### Task description
Output the listing exactly, leaving out no line.
++++++++++++++++++++
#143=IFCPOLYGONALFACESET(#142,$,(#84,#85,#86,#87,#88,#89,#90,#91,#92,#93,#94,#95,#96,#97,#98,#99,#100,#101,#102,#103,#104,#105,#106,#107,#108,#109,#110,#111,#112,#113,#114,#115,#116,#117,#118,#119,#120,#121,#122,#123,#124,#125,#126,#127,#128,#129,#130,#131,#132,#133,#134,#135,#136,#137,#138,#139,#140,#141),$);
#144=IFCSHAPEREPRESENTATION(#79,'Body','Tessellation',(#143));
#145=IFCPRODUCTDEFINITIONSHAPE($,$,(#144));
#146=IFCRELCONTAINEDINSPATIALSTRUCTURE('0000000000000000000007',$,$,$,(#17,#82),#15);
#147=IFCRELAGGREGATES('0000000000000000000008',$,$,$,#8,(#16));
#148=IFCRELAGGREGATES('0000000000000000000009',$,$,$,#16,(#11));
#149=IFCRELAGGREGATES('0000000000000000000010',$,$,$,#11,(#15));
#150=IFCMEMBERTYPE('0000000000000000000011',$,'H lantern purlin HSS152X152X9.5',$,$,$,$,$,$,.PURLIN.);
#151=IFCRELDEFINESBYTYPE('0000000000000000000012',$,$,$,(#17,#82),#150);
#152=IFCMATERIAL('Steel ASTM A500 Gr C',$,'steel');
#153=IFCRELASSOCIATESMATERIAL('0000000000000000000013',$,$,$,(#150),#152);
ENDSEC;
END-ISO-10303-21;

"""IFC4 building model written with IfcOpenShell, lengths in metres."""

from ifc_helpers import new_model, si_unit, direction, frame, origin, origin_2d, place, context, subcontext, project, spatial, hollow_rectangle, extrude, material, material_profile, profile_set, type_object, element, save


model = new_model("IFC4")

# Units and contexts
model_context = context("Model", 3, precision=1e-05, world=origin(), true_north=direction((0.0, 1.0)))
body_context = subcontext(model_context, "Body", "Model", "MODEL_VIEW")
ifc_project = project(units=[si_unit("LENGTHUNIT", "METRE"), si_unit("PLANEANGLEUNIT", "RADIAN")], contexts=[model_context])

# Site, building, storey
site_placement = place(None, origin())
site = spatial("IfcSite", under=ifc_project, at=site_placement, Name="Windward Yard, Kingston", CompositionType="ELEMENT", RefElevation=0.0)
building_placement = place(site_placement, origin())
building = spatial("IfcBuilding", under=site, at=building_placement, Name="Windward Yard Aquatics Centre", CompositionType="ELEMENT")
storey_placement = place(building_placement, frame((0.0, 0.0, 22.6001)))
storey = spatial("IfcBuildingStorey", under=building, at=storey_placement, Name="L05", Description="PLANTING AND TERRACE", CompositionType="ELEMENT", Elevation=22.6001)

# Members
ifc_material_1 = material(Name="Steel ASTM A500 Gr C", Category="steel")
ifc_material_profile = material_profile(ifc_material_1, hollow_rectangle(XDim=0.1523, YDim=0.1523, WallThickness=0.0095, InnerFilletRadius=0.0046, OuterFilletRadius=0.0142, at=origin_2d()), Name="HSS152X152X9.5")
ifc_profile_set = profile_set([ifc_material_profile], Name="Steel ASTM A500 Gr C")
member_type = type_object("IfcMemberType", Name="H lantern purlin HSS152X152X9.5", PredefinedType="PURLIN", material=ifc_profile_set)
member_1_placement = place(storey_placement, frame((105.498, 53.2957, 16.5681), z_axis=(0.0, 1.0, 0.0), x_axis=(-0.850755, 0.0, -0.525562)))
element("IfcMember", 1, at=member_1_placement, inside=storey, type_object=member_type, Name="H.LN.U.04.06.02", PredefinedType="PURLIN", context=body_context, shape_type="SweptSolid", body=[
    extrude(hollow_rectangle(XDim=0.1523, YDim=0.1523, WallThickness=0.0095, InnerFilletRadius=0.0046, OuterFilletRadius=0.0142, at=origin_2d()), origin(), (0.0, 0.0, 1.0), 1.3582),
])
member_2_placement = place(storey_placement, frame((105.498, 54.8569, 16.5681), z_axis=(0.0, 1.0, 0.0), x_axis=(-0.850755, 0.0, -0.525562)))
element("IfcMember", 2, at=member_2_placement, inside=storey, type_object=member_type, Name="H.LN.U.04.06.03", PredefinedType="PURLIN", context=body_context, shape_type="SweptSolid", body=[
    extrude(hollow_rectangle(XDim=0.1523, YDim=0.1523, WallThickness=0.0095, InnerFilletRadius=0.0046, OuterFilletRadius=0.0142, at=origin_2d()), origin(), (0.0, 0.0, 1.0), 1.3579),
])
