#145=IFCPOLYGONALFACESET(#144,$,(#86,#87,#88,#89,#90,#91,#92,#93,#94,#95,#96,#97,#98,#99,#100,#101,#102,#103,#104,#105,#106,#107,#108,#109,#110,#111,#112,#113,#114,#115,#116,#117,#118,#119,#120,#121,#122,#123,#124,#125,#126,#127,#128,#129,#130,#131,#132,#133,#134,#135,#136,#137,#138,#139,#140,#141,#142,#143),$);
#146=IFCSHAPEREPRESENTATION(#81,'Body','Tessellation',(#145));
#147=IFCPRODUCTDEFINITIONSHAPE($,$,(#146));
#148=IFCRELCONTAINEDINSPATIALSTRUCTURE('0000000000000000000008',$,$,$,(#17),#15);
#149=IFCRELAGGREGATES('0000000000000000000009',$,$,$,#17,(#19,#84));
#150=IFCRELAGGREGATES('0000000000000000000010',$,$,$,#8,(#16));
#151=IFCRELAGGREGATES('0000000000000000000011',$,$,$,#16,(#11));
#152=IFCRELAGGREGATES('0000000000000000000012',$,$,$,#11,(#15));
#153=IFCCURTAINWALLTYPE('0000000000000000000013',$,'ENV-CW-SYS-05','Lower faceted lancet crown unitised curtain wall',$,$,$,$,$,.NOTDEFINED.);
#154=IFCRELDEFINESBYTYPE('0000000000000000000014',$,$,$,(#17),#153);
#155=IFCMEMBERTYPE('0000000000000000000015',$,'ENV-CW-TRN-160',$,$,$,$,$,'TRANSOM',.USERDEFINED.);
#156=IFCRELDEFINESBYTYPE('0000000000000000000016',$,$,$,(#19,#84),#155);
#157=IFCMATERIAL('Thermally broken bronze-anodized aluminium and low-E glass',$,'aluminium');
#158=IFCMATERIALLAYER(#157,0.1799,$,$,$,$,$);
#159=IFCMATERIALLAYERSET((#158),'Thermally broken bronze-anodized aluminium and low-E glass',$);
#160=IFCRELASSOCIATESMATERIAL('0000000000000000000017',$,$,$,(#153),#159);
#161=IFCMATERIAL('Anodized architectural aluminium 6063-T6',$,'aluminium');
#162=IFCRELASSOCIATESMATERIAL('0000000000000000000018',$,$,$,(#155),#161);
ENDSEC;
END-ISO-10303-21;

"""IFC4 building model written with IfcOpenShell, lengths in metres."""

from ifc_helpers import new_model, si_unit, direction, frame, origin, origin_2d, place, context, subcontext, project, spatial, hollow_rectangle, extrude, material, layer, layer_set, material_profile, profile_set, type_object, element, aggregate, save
++++++++++++++++++++
### Solution to the problem
#143=IFCPOLYGONALFACESET(#142,$,(#84,#85,#86,#87,#88,#89,#90,#91,#92,#93,#94,#95,#96,#97,#98,#99,#100,#101,#102,#103,#104,#105,#106,#107,#108,#109,#110,#111,#112,#113,#114,#115,#116,#117,#118,#119,#120,#121,#122,#123,#124,#125,#126,#127,#128,#129,#130,#131,#132,#133,#134,#135,#136,#137,#138,#139,#140,#141),$);
#144=IFCSHAPEREPRESENTATION(#79,'Body','Tessellation',(#143));
#145=IFCPRODUCTDEFINITIONSHAPE($,$,(#144));
#146=IFCRELCONTAINEDINSPATIALSTRUCTURE('0000000000000000000007',$,$,$,(#17,#82),#15);
#147=IFCRELAGGREGATES('0000000000000000000008',$,$,$,#8,(#16));
#148=IFCRELAGGREGATES('0000000000000000000009',$,$,$,#16,(#11));
#149=IFCRELAGGREGATES('0000000000000000000010',$,$,$,#11,(#15));
#150=IFCMEMBERTYPE('0000000000000000000011',$,'H lantern purlin HSS152X152X9.5',$,$,$,$,$,$,.PURLIN.);
#151=IFCRELDEFINESBYTYPE('0000000000000000000012',$,$,$,(#17,#82),#150);
#152=IFCMATERIAL('Steel ASTM A500 Gr C',$,'steel');
#153=IFCRELASSOCIATESMATERIAL('0000000000000000000013',$,$,$,(#150),#152);
ENDSEC;
END-ISO-10303-21;

"""IFC4 building model written with IfcOpenShell, lengths in metres."""

from ifc_helpers import new_model, si_unit, direction, frame, origin, origin_2d, place, context, subcontext, project, spatial, hollow_rectangle, extrude, material, material_profile, profile_set, type_object, element, save


model = new_model("IFC4")

# Units and contexts
model_context = context("Model", 3, precision=1e-05, world=origin(), true_north=direction((0.0, 1.0)))
body_context = subcontext(model_context, "Body", "Model", "MODEL_VIEW")
ifc_project = project(units=[si_unit("LENGTHUNIT", "METRE"), si_unit("PLANEANGLEUNIT", "RADIAN")], contexts=[model_context])

# Site, building, storey
site_placement = place(None, origin())
site = spatial("IfcSite", under=ifc_project, at=site_placement, Name="Windward Yard, Kingston", CompositionType="ELEMENT", RefElevation=0.0)
building_placement = place(site_placement, origin())
building = spatial("IfcBuilding", under=site, at=building_placement, Name="Windward Yard Aquatics Centre", CompositionType="ELEMENT")
storey_placement = place(building_placement, frame((0.0, 0.0, 22.6001)))
storey = spatial("IfcBuildingStorey", under=building, at=storey_placement, Name="L05", Description="PLANTING AND TERRACE", CompositionType="ELEMENT", Elevation=22.6001)

# Members
ifc_material_1 = material(Name="Steel ASTM A500 Gr C", Category="steel")
ifc_material_profile = material_profile(ifc_material_1, hollow_rectangle(XDim=0.1523, YDim=0.1523, WallThickness=0.0095, InnerFilletRadius=0.0046, OuterFilletRadius=0.0142, at=origin_2d()), Name="HSS152X152X9.5")
ifc_profile_set = profile_set([ifc_material_profile], Name="Steel ASTM A500 Gr C")
member_type = type_object("IfcMemberType", Name="H lantern purlin HSS152X152X9.5", PredefinedType="PURLIN", material=ifc_profile_set)
member_1_placement = place(storey_placement, frame((105.498, 53.2957, 16.5681), z_axis=(0.0, 1.0, 0.0), x_axis=(-0.850755, 0.0, -0.525562)))
element("IfcMember", 1, at=member_1_placement, inside=storey, type_object=member_type, Name="H.LN.U.04.06.02", PredefinedType="PURLIN", context=body_context, shape_type="SweptSolid", body=[
    extrude(hollow_rectangle(XDim=0.1523, YDim=0.1523, WallThickness=0.0095, InnerFilletRadius=0.0046, OuterFilletRadius=0.0142, at=origin_2d()), origin(), (0.0, 0.0, 1.0), 1.3582),
])
member_2_placement = place(storey_placement, frame((105.498, 54.8569, 16.5681), z_axis=(0.0, 1.0, 0.0), x_axis=(-0.850755, 0.0, -0.525562)))
element("IfcMember", 2, at=member_2_placement, inside=storey, type_object=member_type, Name="H.LN.U.04.06.03", PredefinedType="PURLIN", context=body_context, shape_type="SweptSolid", body=[
    extrude(hollow_rectangle(XDim=0.1523, YDim=0.1523, WallThickness=0.0095, InnerFilletRadius=0.0046, OuterFilletRadius=0.0142, at=origin_2d()), origin(), (0.0, 0.0, 1.0), 1.3579),
])
#145=IFCPOLYGONALFACESET(#144,$,(#86,#87,#88,#89,#90,#91,#92,#93,#94,#95,#96,#97,#98,#99,#100,#101,#102,#103,#104,#105,#106,#107,#108,#109,#110,#111,#112,#113,#114,#115,#116,#117,#118,#119,#120,#121,#122,#123,#124,#125,#126,#127,#128,#129,#130,#131,#132,#133,#134,#135,#136,#137,#138,#139,#140,#141,#142,#143),$);
#146=IFCSHAPEREPRESENTATION(#81,'Body','Tessellation',(#145));
#147=IFCPRODUCTDEFINITIONSHAPE($,$,(#146));
#148=IFCRELCONTAINEDINSPATIALSTRUCTURE('0000000000000000000008',$,$,$,(#17),#15);
#149=IFCRELAGGREGATES('0000000000000000000009',$,$,$,#17,(#19,#84));
#150=IFCRELAGGREGATES('0000000000000000000010',$,$,$,#8,(#16));
#151=IFCRELAGGREGATES('0000000000000000000011',$,$,$,#16,(#11));
#152=IFCRELAGGREGATES('0000000000000000000012',$,$,$,#11,(#15));
#153=IFCCURTAINWALLTYPE('0000000000000000000013',$,'ENV-CW-SYS-05','Lower faceted lancet crown unitised curtain wall',$,$,$,$,$,.NOTDEFINED.);
#154=IFCRELDEFINESBYTYPE('0000000000000000000014',$,$,$,(#17),#153);
#155=IFCMEMBERTYPE('0000000000000000000015',$,'ENV-CW-TRN-160',$,$,$,$,$,'TRANSOM',.USERDEFINED.);
#156=IFCRELDEFINESBYTYPE('0000000000000000000016',$,$,$,(#19,#84),#155);
#157=IFCMATERIAL('Thermally broken bronze-anodized aluminium and low-E glass',$,'aluminium');
#158=IFCMATERIALLAYER(#157,0.1799,$,$,$,$,$);
#159=IFCMATERIALLAYERSET((#158),'Thermally broken bronze-anodized aluminium and low-E glass',$);
#160=IFCRELASSOCIATESMATERIAL('0000000000000000000017',$,$,$,(#153),#159);
#161=IFCMATERIAL('Anodized architectural aluminium 6063-T6',$,'aluminium');
#162=IFCRELASSOCIATESMATERIAL('0000000000000000000018',$,$,$,(#155),#161);
ENDSEC;
END-ISO-10303-21;

"""IFC4 building model written with IfcOpenShell, lengths in metres."""

from ifc_helpers import new_model, si_unit, direction, frame, origin, origin_2d, place, context, subcontext, project, spatial, hollow_rectangle, extrude, material, layer, layer_set, material_profile, profile_set, type_object, element, aggregate, save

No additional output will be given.